◆ **Work order**:
When the string "TRANSOM" is part of a line below, that line should be copied.

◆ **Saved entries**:
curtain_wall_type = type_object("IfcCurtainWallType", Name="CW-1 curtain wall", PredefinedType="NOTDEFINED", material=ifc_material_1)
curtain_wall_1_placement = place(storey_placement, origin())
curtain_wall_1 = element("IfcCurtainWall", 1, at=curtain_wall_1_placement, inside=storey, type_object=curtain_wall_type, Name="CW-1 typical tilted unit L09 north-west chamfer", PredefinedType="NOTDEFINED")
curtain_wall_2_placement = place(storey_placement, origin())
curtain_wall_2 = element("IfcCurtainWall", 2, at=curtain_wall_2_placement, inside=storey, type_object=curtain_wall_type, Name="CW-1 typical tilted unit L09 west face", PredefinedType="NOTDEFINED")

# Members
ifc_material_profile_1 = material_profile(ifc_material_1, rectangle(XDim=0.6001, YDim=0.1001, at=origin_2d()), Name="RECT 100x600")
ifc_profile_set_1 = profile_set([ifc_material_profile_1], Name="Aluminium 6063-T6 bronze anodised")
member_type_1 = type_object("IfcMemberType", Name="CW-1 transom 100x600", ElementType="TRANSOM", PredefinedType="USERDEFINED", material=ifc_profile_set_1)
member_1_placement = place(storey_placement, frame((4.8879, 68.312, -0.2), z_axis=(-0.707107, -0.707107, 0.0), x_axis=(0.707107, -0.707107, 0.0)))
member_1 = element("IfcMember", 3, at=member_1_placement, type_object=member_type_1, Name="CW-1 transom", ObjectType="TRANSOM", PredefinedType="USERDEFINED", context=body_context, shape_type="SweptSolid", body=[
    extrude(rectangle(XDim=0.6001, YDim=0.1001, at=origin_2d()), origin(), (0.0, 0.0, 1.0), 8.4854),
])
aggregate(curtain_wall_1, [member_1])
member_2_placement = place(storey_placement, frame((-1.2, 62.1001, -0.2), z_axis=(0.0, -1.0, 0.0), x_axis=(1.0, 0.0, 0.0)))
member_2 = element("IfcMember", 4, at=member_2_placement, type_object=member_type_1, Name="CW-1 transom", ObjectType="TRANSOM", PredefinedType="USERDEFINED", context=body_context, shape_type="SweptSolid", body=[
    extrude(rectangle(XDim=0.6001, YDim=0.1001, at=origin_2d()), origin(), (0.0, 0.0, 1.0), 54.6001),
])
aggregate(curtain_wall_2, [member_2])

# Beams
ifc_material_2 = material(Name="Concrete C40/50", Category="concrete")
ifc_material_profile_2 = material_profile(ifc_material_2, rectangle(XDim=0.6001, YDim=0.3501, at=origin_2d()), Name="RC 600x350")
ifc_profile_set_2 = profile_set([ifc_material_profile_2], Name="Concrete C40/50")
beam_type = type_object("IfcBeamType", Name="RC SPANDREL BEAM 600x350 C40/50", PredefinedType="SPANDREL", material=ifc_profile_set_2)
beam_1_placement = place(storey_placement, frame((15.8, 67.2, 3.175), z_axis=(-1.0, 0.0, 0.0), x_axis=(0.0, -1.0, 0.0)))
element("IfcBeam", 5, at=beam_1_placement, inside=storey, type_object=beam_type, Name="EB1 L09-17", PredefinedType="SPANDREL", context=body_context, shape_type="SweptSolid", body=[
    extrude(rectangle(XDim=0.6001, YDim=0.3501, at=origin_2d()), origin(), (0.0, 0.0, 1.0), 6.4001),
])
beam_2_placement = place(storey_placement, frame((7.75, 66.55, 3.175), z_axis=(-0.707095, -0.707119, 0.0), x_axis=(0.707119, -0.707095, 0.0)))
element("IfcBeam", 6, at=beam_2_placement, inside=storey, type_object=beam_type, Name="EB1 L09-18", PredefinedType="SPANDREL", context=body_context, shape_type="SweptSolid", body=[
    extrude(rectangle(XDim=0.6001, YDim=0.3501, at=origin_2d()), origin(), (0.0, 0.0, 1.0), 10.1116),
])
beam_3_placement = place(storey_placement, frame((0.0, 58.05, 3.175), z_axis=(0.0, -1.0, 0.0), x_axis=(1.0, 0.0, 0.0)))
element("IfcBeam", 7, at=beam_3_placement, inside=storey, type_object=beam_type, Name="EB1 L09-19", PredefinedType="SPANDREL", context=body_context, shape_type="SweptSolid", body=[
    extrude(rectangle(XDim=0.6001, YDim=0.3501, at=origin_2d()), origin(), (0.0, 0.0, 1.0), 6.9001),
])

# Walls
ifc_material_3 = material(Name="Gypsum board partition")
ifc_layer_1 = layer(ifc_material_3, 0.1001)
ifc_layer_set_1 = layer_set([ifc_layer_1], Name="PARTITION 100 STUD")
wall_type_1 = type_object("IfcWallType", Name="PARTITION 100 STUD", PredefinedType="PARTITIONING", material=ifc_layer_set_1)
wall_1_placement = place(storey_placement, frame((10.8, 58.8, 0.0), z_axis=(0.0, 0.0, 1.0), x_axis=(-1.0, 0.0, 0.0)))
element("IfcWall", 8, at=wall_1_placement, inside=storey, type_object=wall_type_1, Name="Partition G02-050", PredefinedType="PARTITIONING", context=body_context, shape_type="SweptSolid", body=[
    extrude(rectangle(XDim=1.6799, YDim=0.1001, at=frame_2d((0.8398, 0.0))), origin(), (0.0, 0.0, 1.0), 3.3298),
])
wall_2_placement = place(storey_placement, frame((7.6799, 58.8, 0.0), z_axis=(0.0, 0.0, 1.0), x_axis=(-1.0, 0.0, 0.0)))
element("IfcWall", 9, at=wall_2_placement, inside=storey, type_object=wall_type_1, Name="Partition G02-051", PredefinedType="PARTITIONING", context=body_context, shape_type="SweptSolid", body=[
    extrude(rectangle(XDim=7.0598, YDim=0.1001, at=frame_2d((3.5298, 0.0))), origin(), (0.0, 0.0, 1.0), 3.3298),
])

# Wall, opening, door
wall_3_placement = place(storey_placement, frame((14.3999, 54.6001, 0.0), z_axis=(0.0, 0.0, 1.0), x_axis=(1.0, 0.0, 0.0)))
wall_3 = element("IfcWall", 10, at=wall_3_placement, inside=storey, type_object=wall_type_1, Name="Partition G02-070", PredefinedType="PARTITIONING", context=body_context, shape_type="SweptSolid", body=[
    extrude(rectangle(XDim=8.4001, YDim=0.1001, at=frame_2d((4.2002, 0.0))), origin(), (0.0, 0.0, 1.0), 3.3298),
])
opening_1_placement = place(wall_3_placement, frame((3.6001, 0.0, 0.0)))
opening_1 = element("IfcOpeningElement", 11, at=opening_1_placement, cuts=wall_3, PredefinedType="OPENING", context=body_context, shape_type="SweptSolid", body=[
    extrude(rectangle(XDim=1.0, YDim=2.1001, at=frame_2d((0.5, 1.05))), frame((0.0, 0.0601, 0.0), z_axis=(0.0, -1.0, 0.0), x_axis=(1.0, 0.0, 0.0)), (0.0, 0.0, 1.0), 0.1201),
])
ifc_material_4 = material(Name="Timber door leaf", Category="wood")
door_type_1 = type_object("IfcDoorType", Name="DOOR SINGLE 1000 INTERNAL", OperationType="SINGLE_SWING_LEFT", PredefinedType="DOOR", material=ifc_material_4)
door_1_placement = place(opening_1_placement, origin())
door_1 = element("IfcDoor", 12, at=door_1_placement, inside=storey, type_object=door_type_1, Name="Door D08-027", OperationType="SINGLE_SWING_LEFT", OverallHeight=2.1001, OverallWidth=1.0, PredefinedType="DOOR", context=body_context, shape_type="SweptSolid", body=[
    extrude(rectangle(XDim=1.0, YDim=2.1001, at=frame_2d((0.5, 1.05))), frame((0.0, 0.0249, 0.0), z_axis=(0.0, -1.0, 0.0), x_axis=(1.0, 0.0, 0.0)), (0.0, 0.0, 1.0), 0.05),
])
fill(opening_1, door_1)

◆ **Answer to the problem**:
member_type_1 = type_object("IfcMemberType", Name="CW-1 transom 100x600", ElementType="TRANSOM", PredefinedType="USERDEFINED", material=ifc_profile_set_1)
member_1 = element("IfcMember", 3, at=member_1_placement, type_object=member_type_1, Name="CW-1 transom", ObjectType="TRANSOM", PredefinedType="USERDEFINED", context=body_context, shape_type="SweptSolid", body=[
member_2 = element("IfcMember", 4, at=member_2_placement, type_object=member_type_1, Name="CW-1 transom", ObjectType="TRANSOM", PredefinedType="USERDEFINED", context=body_context, shape_type="SweptSolid", body=[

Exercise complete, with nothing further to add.